» What you have to do:
Examine the records and identify each line that includes the string "IFCBEAMTYPE". Copy those lines.

» Stored data:
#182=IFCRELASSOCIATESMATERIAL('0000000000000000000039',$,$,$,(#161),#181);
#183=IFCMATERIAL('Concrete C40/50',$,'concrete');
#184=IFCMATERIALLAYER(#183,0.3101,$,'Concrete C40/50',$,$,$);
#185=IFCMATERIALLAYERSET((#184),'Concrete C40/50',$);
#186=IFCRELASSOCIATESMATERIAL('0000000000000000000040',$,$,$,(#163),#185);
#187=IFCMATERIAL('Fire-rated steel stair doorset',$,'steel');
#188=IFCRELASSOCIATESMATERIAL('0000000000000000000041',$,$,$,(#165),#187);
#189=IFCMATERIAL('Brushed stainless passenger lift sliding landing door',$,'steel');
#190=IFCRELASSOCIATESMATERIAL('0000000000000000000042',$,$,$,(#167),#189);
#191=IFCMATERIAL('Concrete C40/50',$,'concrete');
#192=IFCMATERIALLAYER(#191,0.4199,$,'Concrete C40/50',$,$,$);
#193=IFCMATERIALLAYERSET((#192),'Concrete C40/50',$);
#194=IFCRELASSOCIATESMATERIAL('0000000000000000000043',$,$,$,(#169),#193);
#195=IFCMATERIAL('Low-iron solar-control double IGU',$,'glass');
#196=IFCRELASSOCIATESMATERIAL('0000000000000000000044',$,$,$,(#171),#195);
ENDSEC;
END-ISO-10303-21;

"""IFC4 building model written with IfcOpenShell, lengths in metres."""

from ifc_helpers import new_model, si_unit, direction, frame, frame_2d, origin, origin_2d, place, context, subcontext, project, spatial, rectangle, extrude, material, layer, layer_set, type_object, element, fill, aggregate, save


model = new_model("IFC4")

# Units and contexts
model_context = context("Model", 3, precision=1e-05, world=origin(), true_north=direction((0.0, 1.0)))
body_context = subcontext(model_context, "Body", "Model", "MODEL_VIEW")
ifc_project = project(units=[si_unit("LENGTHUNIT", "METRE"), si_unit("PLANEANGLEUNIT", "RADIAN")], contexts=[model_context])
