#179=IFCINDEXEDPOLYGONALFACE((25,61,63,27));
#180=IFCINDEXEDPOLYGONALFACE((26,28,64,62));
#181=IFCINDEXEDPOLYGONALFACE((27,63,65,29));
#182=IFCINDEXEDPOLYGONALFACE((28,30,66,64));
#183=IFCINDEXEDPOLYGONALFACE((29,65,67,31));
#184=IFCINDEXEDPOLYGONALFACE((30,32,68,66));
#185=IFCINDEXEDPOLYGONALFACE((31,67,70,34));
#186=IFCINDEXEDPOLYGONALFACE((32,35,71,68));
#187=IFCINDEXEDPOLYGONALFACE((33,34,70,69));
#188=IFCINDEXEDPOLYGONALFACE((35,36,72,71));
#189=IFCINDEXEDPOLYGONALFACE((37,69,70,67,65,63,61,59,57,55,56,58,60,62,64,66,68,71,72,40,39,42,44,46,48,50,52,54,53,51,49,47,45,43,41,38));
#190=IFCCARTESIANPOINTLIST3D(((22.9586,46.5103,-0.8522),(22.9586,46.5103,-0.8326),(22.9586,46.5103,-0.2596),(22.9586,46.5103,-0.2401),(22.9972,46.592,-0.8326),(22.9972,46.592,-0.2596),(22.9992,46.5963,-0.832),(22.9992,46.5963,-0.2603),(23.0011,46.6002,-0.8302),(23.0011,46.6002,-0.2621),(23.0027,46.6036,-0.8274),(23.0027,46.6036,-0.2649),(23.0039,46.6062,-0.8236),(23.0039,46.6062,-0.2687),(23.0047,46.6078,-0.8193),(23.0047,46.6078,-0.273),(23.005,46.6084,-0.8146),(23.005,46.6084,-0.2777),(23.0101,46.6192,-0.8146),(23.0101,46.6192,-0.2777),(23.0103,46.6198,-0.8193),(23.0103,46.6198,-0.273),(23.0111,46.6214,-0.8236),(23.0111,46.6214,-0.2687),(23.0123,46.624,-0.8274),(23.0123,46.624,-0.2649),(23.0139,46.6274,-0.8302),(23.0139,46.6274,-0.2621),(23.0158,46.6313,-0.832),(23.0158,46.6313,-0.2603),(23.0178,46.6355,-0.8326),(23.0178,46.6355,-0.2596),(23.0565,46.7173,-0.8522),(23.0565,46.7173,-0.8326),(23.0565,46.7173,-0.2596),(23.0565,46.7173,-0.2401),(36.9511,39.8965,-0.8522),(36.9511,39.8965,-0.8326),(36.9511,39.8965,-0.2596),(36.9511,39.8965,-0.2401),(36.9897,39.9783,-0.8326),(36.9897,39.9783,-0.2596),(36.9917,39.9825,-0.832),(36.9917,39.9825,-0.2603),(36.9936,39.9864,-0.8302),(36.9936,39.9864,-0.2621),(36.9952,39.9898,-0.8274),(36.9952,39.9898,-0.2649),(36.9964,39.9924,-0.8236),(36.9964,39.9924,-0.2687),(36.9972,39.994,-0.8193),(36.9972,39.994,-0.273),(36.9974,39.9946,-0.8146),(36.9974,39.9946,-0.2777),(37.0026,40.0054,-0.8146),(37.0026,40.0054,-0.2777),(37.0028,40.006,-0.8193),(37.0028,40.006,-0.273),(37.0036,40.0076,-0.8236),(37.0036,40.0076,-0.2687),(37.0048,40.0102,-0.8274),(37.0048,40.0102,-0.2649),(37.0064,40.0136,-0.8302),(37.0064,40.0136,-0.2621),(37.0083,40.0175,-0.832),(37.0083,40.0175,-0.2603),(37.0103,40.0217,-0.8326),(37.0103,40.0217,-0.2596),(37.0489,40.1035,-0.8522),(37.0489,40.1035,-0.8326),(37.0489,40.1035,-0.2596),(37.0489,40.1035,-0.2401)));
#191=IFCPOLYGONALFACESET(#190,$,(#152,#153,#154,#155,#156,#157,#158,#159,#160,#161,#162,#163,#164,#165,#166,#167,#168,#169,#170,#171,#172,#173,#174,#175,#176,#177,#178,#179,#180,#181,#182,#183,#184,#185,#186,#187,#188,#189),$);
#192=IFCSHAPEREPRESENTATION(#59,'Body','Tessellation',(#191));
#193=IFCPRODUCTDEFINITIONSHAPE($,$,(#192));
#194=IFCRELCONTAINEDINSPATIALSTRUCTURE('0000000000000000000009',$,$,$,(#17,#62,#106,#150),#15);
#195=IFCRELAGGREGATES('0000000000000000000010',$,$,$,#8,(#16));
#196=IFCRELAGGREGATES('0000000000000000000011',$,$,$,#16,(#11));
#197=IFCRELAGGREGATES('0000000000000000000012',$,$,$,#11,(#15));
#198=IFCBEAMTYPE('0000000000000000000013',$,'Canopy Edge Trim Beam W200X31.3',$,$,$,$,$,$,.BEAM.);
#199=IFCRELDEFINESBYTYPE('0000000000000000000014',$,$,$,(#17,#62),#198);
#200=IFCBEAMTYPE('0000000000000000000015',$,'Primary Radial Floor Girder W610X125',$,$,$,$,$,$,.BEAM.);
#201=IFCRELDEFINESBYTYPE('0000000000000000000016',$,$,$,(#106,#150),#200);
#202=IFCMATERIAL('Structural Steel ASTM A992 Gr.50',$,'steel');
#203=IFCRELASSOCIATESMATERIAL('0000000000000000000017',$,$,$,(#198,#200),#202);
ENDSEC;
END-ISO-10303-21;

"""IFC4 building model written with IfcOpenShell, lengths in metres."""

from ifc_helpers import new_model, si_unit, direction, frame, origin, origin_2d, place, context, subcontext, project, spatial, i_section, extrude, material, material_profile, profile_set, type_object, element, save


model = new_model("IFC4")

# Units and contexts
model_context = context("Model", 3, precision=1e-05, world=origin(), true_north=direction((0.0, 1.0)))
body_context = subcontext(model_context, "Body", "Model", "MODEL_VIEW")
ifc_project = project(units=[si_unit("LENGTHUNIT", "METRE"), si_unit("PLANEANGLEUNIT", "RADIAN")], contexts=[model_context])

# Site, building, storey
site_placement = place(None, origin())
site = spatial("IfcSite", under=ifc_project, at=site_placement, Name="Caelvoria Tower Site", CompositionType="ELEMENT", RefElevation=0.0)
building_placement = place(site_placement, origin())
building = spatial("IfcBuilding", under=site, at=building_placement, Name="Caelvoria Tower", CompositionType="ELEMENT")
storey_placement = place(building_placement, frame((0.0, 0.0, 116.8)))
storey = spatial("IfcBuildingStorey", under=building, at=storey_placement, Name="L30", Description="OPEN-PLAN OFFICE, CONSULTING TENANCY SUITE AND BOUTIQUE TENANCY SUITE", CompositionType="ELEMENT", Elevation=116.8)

» Solved problem:
#198=IFCBEAMTYPE('0000000000000000000013',$,'Canopy Edge Trim Beam W200X31.3',$,$,$,$,$,$,.BEAM.);
#200=IFCBEAMTYPE('0000000000000000000015',$,'Primary Radial Floor Girder W610X125',$,$,$,$,$,$,.BEAM.);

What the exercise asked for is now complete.